▶ _What this task involves_
Do any lines in the data below contain "IFCPRODUCTDEFINITIONSHAPE"? If so, copy every one of them.

Stored items
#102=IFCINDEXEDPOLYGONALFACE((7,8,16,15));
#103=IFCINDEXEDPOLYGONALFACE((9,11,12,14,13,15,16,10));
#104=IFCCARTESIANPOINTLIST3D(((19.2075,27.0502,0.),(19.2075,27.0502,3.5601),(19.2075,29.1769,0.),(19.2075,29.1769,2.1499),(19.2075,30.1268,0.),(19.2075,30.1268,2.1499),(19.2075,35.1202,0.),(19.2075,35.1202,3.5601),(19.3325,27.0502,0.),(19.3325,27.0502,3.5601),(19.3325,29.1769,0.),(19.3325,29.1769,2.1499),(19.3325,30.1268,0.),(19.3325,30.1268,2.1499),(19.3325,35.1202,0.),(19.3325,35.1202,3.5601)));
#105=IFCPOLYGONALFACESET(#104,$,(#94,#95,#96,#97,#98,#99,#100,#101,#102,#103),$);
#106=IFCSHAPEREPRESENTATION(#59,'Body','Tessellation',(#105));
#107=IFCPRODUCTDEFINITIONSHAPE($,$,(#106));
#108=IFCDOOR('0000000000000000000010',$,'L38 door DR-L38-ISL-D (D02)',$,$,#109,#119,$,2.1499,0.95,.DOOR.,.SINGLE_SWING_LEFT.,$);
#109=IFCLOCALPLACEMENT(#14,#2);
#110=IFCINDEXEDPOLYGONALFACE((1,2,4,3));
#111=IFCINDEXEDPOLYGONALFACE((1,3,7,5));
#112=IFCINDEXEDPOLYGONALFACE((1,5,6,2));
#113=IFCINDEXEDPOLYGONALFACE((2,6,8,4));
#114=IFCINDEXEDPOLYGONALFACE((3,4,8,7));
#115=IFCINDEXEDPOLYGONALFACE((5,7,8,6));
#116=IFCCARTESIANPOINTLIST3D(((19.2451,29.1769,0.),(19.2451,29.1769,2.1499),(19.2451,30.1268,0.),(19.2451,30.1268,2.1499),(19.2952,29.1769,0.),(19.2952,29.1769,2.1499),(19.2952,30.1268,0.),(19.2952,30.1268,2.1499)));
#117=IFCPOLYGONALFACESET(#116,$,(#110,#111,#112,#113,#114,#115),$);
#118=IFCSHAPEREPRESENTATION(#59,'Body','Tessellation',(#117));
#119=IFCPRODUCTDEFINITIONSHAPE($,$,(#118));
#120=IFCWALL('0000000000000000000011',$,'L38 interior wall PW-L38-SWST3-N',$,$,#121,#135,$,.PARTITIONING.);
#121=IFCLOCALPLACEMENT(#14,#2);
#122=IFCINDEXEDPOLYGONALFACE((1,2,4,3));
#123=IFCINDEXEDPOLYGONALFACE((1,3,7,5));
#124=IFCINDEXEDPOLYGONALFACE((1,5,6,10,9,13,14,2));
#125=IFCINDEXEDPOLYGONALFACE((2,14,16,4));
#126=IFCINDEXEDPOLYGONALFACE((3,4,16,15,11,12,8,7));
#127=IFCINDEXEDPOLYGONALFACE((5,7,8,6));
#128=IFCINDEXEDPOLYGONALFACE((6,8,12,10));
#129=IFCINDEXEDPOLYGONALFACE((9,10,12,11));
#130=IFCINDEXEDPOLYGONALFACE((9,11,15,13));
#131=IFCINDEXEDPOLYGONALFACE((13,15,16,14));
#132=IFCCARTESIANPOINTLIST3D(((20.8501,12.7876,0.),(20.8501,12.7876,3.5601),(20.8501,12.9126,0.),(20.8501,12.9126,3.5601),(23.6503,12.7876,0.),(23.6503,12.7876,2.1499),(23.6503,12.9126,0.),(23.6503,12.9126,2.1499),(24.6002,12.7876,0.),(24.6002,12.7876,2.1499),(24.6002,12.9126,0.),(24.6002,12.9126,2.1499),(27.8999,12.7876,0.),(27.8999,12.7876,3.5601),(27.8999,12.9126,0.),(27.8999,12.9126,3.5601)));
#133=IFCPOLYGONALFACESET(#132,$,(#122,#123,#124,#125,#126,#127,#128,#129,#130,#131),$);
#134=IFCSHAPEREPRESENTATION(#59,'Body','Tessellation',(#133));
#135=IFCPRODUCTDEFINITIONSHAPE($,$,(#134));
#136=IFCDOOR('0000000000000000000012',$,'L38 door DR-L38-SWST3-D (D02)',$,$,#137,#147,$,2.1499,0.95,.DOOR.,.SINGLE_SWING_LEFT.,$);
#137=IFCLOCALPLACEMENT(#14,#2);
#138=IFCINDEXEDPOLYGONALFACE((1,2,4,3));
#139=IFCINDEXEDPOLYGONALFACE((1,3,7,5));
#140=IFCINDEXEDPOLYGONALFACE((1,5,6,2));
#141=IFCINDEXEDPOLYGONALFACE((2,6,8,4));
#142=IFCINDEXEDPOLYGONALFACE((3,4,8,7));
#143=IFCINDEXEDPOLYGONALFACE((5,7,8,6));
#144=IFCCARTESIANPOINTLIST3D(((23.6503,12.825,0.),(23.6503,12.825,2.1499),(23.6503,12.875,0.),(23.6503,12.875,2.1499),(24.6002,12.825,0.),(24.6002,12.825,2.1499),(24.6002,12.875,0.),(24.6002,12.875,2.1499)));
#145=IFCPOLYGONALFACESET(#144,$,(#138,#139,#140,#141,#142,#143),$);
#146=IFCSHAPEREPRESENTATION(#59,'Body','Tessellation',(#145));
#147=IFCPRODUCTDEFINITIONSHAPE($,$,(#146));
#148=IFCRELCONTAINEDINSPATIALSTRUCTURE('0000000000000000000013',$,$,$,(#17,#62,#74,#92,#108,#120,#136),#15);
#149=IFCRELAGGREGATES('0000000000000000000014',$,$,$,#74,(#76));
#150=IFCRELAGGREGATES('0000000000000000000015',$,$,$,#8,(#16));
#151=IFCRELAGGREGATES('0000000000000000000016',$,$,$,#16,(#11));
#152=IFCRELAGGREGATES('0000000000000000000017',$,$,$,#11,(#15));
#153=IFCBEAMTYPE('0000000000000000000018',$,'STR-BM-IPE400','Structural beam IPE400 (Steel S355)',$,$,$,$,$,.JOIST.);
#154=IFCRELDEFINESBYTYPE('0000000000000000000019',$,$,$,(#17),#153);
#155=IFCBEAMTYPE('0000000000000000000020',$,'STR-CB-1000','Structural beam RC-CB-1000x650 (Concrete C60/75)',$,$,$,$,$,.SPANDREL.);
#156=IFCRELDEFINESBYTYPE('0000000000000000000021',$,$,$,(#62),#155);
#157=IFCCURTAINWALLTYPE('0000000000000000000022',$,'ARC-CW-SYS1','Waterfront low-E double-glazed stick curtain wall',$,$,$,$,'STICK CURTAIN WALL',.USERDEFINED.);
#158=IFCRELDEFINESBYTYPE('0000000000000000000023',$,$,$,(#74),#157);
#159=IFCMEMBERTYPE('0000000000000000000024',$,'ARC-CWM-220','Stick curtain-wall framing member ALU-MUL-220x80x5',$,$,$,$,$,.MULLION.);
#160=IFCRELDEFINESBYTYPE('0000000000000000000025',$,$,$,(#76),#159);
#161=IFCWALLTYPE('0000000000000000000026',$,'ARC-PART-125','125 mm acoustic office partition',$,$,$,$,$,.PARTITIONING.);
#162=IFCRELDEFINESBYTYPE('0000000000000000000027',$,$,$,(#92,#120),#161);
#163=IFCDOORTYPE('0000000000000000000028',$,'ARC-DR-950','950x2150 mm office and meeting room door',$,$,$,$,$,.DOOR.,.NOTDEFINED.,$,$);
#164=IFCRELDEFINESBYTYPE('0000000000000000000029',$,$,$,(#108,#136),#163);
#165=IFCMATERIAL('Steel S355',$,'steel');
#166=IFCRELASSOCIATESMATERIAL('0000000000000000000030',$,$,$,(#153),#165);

▶ _Solution below_
#107=IFCPRODUCTDEFINITIONSHAPE($,$,(#106));
#119=IFCPRODUCTDEFINITIONSHAPE($,$,(#118));
#135=IFCPRODUCTDEFINITIONSHAPE($,$,(#134));
#147=IFCPRODUCTDEFINITIONSHAPE($,$,(#146));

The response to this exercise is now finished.